Input for this task:
* * * * * * *
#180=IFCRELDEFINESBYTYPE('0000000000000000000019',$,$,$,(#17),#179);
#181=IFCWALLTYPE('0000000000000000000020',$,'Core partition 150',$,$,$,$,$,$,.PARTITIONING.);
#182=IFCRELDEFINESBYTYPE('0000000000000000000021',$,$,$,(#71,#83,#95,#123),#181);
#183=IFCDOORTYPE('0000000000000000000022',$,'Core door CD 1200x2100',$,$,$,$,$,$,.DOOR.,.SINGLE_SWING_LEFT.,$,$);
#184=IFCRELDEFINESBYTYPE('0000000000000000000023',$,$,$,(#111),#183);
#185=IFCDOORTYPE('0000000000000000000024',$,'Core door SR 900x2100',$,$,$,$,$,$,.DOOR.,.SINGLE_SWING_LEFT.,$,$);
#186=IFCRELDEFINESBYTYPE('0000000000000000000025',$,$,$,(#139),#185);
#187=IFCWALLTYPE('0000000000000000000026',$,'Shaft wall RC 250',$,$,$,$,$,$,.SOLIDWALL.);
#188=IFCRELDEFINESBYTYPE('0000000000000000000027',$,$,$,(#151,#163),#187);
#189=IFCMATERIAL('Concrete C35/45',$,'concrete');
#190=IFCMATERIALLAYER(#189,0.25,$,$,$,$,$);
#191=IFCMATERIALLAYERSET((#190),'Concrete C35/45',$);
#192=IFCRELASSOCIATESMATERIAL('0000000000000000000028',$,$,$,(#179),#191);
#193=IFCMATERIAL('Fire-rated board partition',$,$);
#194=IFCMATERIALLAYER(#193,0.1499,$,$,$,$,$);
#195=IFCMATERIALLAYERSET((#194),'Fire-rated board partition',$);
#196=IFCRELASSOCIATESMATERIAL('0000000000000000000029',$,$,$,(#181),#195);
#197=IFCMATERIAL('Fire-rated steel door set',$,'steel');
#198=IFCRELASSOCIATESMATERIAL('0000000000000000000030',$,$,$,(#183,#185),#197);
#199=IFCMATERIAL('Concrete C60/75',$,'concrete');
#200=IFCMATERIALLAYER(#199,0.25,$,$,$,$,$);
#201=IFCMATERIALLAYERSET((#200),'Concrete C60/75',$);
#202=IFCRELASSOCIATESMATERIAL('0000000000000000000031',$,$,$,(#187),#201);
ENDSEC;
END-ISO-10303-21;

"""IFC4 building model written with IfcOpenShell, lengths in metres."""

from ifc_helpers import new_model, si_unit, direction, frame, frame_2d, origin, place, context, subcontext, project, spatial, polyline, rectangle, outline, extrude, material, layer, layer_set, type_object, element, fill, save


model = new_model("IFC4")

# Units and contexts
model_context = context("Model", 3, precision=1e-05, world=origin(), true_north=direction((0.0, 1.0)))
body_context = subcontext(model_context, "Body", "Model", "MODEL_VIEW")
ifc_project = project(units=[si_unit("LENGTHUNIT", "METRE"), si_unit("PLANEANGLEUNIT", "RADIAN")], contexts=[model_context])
* * * * * * *
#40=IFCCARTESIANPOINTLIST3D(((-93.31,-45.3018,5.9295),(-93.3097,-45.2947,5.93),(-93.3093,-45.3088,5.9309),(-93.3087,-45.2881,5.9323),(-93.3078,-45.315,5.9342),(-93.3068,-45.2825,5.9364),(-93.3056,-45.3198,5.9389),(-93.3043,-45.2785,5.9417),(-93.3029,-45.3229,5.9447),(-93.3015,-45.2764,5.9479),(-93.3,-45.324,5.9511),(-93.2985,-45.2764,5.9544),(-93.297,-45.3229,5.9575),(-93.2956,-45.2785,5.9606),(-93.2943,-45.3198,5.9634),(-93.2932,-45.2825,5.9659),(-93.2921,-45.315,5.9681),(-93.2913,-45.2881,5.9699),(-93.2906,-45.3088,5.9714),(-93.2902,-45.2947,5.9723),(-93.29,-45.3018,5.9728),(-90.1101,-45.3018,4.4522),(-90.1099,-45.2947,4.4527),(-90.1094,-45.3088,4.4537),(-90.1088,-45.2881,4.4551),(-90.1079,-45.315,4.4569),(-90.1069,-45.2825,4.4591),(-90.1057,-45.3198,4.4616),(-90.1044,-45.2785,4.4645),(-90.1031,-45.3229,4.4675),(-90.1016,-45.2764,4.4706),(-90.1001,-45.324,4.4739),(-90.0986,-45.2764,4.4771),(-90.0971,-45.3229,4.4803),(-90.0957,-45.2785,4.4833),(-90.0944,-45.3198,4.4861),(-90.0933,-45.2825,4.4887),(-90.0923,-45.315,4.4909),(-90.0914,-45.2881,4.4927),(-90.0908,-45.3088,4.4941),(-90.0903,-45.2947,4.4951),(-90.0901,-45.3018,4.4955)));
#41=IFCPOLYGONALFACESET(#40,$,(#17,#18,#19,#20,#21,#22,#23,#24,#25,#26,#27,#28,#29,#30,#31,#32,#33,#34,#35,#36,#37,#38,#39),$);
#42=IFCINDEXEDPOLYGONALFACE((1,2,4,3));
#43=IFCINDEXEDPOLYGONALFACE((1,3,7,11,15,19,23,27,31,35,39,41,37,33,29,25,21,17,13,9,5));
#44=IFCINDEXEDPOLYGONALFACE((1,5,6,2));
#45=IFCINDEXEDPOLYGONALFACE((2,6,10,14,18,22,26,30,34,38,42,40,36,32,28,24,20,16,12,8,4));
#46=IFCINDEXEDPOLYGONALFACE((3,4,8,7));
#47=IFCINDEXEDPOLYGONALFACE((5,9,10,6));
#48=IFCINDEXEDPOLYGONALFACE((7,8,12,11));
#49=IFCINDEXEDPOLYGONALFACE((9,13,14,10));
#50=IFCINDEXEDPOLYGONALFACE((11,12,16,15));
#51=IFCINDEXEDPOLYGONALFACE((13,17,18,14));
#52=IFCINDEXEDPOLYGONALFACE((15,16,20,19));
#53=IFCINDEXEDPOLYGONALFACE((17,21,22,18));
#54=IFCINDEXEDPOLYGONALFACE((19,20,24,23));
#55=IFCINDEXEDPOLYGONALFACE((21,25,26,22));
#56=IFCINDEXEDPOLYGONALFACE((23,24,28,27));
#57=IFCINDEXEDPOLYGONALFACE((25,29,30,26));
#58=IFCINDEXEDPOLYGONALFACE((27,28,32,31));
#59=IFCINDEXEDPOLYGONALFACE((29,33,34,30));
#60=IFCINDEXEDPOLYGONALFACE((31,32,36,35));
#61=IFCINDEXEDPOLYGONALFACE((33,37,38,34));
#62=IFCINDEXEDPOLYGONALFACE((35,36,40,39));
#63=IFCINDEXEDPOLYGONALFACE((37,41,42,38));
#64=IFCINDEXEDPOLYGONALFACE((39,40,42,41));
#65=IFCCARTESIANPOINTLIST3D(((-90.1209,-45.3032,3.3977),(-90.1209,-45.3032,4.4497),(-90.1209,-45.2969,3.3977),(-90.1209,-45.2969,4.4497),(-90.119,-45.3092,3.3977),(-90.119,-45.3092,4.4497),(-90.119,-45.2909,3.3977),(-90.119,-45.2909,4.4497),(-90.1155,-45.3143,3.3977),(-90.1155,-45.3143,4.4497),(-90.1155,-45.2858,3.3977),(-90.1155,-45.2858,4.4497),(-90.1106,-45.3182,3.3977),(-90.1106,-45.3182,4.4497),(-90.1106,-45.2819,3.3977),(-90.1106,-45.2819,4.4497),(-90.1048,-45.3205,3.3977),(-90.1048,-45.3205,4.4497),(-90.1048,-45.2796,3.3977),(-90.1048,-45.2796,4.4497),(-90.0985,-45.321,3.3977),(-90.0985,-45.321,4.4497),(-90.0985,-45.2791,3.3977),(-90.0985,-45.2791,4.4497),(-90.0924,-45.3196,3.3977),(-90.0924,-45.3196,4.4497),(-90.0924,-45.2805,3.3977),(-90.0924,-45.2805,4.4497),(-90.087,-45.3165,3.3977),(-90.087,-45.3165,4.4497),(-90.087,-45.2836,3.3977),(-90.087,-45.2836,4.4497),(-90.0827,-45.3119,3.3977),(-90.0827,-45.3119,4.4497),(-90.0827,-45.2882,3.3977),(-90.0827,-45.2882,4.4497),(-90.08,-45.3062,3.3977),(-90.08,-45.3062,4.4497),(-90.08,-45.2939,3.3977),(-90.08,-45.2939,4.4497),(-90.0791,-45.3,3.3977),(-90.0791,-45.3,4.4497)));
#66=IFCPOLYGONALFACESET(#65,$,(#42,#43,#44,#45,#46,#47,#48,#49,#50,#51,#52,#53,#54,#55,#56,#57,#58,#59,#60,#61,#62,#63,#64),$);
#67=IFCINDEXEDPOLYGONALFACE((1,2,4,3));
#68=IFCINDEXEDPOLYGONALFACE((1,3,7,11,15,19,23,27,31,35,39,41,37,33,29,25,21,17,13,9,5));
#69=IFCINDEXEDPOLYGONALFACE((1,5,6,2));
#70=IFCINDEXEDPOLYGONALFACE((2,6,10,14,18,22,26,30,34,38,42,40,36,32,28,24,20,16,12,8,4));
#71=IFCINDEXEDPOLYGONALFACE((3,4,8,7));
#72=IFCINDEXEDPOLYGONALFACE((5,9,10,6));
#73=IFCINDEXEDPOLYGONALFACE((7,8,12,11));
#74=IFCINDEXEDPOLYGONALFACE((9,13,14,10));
* * * * * * *
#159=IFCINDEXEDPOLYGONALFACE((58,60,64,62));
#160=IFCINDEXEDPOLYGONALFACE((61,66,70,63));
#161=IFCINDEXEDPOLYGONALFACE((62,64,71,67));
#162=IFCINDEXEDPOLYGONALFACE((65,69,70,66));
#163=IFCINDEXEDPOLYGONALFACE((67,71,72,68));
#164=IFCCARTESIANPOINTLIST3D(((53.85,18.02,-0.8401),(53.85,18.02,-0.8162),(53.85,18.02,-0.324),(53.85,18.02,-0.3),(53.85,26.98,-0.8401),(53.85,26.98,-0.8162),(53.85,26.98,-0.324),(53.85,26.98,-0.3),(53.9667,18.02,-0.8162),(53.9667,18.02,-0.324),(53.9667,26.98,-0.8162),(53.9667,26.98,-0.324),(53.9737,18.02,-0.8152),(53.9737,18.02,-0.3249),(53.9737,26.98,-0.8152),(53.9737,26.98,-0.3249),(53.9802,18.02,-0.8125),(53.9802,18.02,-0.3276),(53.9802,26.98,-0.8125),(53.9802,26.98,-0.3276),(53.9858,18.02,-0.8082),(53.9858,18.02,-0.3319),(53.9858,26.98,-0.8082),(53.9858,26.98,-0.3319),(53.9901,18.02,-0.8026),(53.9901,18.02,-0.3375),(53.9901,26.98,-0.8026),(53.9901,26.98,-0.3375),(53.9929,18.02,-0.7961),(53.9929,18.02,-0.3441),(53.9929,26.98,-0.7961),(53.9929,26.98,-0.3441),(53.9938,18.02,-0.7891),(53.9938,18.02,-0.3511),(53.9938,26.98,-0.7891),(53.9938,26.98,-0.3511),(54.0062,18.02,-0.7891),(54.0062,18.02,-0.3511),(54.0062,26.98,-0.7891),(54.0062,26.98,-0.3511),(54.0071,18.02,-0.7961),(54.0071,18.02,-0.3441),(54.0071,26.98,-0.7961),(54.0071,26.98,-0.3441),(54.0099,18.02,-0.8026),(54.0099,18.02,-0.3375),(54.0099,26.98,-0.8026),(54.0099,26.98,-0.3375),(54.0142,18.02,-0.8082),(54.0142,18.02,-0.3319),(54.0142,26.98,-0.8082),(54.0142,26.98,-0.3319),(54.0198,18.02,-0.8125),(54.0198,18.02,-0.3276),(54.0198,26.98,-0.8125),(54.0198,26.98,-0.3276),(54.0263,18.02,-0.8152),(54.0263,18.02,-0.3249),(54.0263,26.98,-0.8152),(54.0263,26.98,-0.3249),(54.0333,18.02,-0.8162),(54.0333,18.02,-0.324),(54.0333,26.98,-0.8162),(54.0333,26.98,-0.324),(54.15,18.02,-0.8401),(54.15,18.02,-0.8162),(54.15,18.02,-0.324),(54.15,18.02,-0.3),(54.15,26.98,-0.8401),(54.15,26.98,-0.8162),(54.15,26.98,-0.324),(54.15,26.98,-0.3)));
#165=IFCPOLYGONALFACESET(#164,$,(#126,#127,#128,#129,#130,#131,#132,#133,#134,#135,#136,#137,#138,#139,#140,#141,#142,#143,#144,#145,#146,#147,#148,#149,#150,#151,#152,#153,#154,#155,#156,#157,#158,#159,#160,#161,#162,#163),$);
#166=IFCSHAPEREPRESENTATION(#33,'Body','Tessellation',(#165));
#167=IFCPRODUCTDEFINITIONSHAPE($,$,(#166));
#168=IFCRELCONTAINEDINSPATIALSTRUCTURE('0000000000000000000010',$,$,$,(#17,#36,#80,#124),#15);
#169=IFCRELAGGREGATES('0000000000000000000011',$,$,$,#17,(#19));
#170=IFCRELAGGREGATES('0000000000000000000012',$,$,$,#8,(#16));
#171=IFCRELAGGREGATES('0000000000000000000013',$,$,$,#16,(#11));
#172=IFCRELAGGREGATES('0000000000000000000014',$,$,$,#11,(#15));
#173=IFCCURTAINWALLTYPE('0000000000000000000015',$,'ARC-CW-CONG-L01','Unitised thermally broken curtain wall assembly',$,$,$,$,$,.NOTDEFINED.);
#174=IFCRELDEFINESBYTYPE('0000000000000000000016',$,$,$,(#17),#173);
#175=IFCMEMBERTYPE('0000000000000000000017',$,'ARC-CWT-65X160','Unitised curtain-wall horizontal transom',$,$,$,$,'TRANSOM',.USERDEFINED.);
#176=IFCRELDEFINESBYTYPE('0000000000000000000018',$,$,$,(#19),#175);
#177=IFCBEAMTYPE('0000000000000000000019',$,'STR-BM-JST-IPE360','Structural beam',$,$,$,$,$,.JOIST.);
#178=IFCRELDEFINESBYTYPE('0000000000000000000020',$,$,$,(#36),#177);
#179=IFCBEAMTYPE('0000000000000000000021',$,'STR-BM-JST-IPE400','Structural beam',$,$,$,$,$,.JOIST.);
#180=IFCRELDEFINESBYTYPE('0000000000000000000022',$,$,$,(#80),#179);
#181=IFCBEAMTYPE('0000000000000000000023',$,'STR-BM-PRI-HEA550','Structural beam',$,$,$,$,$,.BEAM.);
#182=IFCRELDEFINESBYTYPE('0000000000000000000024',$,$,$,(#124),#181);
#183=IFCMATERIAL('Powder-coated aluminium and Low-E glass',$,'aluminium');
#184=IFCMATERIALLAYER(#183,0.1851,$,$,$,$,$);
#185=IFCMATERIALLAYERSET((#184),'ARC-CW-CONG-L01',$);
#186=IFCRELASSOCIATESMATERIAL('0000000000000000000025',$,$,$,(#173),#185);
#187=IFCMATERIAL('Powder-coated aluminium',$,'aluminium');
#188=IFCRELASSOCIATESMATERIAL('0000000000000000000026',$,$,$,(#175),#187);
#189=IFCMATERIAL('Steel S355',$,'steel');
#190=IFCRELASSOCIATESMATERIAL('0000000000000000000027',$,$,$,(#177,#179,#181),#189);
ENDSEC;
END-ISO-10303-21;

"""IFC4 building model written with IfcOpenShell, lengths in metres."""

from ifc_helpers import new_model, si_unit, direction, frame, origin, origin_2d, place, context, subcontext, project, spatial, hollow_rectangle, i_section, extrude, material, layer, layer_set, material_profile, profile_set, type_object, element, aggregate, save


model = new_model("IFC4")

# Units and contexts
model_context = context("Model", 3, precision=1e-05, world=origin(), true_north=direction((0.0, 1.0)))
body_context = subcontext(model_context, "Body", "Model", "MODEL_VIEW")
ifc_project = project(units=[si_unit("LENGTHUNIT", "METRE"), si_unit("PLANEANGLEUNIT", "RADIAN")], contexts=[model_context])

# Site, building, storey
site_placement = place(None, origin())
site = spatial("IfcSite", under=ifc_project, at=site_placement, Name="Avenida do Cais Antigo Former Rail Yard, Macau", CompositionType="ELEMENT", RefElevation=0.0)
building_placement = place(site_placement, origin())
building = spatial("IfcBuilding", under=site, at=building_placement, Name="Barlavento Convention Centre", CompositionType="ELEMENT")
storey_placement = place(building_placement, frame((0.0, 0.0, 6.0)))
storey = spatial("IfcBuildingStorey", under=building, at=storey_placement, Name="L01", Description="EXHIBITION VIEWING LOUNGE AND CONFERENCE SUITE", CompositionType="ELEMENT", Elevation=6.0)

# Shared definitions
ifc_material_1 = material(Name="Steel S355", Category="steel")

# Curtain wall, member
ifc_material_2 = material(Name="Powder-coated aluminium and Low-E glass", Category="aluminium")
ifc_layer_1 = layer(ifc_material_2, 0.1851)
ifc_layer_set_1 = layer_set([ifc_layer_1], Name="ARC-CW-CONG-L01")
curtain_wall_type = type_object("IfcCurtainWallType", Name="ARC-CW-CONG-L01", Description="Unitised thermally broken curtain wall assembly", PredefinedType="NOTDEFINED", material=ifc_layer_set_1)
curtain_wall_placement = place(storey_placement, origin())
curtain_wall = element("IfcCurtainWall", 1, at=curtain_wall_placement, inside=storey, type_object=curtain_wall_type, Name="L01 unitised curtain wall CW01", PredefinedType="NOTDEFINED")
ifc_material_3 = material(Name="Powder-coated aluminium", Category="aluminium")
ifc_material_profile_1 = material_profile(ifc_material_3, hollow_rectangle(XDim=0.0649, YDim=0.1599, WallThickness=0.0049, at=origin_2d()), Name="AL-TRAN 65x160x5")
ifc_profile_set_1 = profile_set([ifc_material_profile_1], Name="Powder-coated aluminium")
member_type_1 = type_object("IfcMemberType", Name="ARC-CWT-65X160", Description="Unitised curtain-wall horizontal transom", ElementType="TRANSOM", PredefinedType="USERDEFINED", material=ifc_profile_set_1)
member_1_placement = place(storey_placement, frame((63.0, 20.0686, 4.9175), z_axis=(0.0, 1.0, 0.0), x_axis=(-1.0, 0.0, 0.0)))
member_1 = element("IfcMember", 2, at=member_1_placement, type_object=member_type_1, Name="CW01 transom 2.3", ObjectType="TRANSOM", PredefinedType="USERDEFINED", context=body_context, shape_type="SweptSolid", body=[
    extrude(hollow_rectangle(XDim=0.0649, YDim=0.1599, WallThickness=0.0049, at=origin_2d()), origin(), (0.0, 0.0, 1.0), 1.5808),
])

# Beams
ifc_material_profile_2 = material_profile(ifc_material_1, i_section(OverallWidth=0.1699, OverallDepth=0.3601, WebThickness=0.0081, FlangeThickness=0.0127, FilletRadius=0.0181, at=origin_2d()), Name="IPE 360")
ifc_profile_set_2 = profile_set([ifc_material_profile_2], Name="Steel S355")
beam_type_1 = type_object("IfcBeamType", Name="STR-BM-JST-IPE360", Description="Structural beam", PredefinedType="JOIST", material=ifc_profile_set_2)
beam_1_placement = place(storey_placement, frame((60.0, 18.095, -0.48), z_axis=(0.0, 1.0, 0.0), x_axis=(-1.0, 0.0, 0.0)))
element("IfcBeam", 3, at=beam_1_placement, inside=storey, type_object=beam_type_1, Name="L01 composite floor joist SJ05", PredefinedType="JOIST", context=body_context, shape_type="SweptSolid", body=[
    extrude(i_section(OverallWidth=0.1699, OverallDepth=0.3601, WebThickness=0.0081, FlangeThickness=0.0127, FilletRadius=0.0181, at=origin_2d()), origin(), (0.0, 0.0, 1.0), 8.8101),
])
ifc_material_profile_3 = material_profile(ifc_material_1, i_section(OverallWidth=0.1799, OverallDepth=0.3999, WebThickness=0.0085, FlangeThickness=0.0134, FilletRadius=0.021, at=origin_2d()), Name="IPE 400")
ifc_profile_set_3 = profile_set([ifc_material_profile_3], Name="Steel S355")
* * * * * * *
Task objective: Search the records for the word "IFCRELAGGREGATES". Copy each line where it appears.

Output below:
#169=IFCRELAGGREGATES('0000000000000000000011',$,$,$,#17,(#19));
#170=IFCRELAGGREGATES('0000000000000000000012',$,$,$,#8,(#16));
#171=IFCRELAGGREGATES('0000000000000000000013',$,$,$,#16,(#11));
#172=IFCRELAGGREGATES('0000000000000000000014',$,$,$,#11,(#15));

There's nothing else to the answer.